### [Task goal]
Look for the word "Body" in the entries and copy every line where it shows up.

(Records from a dataset)
● ● ● ● ● ● ●

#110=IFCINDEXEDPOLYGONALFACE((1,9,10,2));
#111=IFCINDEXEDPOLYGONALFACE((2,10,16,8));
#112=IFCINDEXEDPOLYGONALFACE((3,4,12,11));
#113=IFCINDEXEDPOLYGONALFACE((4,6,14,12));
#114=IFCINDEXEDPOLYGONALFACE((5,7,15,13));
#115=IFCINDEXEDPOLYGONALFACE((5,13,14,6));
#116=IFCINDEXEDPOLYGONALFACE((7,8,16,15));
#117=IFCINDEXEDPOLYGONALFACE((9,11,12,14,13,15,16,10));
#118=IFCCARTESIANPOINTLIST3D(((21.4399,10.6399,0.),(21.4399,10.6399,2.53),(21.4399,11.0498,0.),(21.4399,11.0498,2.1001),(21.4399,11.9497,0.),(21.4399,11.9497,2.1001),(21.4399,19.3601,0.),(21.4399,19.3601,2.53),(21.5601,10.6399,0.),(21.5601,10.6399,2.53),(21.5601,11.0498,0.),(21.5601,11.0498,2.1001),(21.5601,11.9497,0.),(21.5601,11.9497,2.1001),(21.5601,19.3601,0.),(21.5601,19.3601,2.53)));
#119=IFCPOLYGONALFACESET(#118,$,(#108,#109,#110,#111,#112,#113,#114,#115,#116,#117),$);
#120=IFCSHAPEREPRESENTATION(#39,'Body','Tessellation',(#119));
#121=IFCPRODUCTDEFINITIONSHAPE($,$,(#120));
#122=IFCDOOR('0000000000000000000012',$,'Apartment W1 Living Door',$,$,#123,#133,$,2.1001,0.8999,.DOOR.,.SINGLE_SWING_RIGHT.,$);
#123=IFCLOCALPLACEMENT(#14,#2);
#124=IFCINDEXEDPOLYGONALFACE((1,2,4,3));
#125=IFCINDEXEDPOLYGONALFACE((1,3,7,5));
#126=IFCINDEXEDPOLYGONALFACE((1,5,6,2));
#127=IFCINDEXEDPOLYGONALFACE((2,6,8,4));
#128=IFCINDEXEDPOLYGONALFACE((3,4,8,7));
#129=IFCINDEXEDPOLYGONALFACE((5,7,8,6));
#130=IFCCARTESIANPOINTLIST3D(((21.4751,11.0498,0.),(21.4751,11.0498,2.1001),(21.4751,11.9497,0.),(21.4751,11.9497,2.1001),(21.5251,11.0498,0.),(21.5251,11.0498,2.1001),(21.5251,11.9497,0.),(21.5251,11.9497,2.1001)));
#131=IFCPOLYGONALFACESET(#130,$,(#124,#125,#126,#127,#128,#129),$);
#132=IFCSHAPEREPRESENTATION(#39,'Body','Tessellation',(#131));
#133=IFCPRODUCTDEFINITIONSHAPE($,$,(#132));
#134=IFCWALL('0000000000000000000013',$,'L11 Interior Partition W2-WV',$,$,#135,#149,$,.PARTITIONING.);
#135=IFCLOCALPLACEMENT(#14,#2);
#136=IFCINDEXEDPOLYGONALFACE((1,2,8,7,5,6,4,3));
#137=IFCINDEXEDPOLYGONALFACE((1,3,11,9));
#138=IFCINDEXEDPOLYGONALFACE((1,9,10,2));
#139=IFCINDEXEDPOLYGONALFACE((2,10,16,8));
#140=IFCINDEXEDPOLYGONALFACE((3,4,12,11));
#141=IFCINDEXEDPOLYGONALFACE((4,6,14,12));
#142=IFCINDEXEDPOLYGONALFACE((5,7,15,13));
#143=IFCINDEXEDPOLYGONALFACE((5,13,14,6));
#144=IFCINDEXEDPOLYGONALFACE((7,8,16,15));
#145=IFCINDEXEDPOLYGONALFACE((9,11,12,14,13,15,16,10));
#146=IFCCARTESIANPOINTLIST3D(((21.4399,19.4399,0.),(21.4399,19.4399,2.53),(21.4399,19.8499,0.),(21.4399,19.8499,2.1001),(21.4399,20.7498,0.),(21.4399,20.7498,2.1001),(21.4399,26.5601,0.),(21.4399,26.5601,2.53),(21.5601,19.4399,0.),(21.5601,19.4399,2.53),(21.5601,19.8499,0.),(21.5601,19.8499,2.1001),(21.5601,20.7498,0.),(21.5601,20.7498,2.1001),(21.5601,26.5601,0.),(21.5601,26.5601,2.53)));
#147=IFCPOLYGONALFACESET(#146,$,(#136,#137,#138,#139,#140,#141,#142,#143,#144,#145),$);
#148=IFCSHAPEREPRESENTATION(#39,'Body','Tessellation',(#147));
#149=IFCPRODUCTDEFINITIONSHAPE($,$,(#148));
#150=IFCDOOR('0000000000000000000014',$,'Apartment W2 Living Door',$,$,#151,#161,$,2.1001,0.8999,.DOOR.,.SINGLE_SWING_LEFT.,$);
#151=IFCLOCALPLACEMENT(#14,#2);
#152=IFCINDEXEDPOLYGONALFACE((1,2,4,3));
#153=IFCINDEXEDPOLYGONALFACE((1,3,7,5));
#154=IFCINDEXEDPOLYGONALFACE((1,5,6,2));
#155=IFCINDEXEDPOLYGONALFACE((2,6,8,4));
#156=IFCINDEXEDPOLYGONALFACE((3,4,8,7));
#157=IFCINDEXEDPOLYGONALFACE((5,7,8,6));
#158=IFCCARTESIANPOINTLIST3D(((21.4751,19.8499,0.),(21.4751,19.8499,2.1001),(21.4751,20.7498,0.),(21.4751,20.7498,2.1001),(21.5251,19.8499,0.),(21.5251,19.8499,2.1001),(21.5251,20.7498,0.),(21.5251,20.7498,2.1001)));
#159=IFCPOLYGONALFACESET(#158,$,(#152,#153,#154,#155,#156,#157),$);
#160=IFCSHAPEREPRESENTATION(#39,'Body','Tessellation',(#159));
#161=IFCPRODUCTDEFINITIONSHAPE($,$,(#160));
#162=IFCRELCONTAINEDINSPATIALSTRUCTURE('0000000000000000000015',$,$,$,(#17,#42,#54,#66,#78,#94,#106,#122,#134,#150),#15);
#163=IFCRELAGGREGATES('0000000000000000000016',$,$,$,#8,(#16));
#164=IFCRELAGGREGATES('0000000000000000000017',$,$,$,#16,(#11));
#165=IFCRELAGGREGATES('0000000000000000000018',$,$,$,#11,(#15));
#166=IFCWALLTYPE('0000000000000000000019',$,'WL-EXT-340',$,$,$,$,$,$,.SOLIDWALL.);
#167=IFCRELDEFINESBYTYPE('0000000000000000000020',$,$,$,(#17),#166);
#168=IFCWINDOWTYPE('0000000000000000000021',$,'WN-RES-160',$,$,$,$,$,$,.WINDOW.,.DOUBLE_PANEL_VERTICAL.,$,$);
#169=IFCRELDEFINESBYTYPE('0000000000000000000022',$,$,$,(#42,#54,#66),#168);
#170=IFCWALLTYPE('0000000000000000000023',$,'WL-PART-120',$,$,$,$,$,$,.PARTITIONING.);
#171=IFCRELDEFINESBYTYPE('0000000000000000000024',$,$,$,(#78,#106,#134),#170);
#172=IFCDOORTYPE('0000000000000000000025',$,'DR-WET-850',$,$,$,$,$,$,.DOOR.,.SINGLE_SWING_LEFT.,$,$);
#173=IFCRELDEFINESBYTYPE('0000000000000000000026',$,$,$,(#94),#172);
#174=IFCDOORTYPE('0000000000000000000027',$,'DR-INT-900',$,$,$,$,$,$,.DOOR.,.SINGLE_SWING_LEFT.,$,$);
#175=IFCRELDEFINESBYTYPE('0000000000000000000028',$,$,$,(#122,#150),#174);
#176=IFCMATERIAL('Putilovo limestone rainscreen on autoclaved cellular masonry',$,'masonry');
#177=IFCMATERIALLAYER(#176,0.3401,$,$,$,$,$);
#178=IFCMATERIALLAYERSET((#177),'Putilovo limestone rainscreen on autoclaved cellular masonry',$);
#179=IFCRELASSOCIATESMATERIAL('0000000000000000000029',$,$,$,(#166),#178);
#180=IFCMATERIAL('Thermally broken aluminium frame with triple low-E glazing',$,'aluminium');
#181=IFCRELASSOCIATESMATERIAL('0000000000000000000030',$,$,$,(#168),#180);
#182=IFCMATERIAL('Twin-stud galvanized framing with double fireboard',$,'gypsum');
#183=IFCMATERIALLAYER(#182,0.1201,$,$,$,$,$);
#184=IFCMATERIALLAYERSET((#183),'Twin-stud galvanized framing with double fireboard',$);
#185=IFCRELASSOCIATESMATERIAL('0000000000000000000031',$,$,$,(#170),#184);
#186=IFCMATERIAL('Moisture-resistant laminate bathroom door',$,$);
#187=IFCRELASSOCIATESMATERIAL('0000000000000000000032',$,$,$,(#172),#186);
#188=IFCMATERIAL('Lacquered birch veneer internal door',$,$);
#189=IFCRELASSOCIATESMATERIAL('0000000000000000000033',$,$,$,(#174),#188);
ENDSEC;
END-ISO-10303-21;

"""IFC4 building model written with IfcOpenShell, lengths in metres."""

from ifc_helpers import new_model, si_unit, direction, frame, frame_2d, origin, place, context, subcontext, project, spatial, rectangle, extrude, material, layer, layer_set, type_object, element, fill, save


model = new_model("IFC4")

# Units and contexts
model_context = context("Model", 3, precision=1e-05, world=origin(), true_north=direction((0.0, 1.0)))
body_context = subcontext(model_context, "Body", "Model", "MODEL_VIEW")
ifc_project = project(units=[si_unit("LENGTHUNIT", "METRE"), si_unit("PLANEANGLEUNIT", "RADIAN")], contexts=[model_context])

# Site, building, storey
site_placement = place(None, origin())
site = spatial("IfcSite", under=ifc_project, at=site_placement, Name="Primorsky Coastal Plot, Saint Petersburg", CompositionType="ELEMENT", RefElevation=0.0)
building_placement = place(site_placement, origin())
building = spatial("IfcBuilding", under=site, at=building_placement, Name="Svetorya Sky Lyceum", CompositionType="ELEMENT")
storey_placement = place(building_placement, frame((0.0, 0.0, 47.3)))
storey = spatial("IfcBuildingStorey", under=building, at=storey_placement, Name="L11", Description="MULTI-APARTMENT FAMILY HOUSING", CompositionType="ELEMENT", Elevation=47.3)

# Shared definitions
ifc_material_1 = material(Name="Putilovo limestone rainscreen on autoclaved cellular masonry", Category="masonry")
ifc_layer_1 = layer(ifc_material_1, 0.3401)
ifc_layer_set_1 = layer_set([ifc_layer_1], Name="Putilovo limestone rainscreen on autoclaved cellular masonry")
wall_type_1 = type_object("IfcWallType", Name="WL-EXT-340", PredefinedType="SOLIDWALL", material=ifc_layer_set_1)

● ● ● ● ● ● ●

### [Result below]
#120=IFCSHAPEREPRESENTATION(#39,'Body','Tessellation',(#119));
#132=IFCSHAPEREPRESENTATION(#39,'Body','Tessellation',(#131));
#148=IFCSHAPEREPRESENTATION(#39,'Body','Tessellation',(#147));
#160=IFCSHAPEREPRESENTATION(#39,'Body','Tessellation',(#159));
body_context = subcontext(model_context, "Body", "Model", "MODEL_VIEW")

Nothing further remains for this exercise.